Material shown
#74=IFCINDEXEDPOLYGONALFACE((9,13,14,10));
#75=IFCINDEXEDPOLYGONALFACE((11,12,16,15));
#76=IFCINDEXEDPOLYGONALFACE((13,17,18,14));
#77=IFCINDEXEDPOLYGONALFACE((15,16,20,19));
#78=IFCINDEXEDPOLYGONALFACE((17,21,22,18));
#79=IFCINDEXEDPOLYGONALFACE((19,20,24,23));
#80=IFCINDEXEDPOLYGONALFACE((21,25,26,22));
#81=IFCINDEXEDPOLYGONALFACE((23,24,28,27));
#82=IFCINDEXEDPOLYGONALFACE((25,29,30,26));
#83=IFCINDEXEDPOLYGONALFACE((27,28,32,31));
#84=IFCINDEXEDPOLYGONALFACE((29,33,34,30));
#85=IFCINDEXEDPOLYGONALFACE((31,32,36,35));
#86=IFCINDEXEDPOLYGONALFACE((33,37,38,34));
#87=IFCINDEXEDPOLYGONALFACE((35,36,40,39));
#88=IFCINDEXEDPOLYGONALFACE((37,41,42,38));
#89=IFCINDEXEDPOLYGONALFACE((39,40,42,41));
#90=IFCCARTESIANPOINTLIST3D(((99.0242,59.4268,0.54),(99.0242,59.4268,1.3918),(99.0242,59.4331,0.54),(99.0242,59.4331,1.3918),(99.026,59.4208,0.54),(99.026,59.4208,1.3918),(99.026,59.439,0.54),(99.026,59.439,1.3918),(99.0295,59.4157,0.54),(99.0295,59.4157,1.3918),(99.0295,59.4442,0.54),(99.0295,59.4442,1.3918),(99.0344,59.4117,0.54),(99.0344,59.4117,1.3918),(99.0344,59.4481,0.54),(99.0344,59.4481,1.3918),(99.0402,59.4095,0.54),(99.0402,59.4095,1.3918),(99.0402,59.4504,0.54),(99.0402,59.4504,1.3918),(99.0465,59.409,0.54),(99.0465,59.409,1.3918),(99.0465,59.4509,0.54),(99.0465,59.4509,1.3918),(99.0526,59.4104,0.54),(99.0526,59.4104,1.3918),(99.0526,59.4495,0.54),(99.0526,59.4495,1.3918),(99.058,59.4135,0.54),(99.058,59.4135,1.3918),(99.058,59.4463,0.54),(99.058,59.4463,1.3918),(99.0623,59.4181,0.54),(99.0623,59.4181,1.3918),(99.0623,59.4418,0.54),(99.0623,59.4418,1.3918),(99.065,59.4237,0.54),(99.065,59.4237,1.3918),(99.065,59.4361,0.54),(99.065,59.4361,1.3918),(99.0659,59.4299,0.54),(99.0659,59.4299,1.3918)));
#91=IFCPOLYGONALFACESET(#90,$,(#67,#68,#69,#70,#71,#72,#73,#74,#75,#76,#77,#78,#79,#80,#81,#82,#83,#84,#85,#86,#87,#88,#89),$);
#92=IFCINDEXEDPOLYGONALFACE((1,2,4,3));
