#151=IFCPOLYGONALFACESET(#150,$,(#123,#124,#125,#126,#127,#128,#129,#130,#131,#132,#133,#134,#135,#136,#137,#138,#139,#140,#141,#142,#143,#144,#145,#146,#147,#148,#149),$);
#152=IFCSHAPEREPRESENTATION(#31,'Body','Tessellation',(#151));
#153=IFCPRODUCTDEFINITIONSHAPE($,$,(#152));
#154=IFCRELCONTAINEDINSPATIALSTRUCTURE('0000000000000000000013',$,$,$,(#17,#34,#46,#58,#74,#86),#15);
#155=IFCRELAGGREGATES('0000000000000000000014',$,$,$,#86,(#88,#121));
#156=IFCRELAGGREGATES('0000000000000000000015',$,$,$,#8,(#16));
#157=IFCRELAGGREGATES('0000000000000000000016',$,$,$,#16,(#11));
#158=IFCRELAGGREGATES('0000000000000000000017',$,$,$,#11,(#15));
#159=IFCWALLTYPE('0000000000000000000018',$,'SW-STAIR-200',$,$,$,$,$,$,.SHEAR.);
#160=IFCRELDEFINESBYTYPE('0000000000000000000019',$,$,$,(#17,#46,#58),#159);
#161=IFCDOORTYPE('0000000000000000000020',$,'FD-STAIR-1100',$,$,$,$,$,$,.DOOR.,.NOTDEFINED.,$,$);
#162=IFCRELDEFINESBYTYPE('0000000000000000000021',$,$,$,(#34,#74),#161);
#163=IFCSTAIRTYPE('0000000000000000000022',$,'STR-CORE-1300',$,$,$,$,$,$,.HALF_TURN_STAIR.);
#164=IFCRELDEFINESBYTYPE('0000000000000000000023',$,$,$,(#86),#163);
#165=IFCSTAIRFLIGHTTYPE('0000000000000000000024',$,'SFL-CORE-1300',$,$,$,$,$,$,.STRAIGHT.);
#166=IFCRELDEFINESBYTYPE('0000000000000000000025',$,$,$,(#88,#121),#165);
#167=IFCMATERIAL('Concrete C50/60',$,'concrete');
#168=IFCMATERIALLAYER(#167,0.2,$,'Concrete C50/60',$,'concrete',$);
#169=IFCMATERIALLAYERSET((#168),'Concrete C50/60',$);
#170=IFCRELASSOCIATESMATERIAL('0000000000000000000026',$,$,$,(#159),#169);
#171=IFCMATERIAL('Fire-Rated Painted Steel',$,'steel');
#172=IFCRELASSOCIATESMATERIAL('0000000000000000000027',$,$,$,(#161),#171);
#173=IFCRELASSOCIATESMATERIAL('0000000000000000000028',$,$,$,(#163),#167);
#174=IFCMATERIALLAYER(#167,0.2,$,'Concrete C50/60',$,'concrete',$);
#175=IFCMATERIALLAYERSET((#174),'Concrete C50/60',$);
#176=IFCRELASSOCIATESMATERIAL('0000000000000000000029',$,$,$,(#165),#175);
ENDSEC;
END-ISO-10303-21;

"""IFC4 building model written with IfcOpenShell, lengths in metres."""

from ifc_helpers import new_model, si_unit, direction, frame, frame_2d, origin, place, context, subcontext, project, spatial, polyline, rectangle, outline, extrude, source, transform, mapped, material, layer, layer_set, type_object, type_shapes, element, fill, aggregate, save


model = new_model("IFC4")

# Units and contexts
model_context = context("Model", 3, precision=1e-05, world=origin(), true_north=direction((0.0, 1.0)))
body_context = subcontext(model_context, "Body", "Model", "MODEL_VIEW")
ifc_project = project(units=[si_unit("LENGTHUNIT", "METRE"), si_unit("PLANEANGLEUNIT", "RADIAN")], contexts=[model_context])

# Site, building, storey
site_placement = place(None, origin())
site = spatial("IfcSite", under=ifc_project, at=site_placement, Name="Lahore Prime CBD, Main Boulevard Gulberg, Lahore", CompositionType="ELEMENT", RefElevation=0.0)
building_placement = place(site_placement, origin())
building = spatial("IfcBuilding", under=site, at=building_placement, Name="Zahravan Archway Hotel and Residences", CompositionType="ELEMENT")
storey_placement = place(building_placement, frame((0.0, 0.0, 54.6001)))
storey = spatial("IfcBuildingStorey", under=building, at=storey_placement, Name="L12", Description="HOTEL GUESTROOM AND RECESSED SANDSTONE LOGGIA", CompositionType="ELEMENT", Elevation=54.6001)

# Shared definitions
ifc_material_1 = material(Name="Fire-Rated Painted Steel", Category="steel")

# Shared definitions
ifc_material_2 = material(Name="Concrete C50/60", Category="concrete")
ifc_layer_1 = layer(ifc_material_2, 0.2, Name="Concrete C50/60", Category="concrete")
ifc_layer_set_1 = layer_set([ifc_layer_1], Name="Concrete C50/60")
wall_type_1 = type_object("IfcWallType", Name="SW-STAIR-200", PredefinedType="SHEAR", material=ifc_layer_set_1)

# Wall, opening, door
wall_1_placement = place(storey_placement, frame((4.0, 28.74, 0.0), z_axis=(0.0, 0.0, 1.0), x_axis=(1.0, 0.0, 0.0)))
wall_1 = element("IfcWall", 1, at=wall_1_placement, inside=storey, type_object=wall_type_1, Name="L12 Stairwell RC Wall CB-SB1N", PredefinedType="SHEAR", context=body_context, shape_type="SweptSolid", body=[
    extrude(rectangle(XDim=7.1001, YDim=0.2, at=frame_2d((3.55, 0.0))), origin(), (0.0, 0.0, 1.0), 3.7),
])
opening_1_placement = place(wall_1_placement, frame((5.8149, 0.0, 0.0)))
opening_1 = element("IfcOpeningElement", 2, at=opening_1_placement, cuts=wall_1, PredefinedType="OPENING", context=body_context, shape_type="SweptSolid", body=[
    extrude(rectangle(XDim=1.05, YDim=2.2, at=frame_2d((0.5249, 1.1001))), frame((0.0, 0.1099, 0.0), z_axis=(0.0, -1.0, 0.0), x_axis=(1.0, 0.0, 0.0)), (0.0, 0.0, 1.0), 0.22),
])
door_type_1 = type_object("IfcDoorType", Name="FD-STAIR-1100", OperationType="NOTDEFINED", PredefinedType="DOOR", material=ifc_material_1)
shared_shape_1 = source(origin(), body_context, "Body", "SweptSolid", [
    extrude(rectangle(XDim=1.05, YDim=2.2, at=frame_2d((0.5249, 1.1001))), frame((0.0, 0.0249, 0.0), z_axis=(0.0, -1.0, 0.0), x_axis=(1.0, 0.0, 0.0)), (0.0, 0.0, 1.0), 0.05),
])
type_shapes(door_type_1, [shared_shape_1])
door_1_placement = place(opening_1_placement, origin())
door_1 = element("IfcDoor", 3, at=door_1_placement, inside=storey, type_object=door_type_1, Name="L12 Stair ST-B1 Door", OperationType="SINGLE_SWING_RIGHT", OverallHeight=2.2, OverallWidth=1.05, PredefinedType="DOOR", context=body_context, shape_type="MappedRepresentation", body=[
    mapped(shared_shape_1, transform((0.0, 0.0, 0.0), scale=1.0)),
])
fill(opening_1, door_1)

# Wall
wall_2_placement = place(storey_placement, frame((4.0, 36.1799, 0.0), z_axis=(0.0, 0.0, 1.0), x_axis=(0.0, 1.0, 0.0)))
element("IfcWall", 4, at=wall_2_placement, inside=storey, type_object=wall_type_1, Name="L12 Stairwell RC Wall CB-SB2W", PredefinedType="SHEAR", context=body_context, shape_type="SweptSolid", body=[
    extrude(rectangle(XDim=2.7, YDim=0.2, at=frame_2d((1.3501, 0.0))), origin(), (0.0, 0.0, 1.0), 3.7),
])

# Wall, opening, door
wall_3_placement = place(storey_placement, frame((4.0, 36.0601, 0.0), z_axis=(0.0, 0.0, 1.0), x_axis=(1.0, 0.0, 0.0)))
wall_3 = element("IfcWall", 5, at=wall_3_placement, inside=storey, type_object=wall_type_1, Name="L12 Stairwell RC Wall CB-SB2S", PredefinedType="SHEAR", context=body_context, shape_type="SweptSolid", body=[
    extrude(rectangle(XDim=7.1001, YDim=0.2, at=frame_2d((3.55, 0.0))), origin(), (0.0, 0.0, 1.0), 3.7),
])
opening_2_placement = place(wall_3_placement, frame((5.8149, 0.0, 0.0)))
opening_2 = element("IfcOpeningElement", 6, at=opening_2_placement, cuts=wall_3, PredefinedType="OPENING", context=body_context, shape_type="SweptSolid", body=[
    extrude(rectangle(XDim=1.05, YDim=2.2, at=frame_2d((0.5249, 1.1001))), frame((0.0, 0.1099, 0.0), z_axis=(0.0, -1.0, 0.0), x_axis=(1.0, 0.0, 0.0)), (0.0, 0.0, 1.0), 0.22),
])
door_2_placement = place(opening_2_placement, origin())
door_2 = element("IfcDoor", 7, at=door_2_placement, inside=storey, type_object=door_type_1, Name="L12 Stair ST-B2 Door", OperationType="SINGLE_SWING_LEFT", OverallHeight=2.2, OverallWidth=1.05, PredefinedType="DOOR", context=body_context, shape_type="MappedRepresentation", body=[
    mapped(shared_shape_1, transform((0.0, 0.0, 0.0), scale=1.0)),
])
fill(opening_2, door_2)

Exercise goal
Include the first line of the listing, the line with "#80=IFCINDEXEDPOLYGONALFACE((21,25,26,22));", and every line between them, each repeated exactly, and output only those.

Exercise answer
#74=IFCINDEXEDPOLYGONALFACE((9,13,14,10));
#75=IFCINDEXEDPOLYGONALFACE((11,12,16,15));
#76=IFCINDEXEDPOLYGONALFACE((13,17,18,14));
#77=IFCINDEXEDPOLYGONALFACE((15,16,20,19));
#78=IFCINDEXEDPOLYGONALFACE((17,21,22,18));
#79=IFCINDEXEDPOLYGONALFACE((19,20,24,23));
#80=IFCINDEXEDPOLYGONALFACE((21,25,26,22));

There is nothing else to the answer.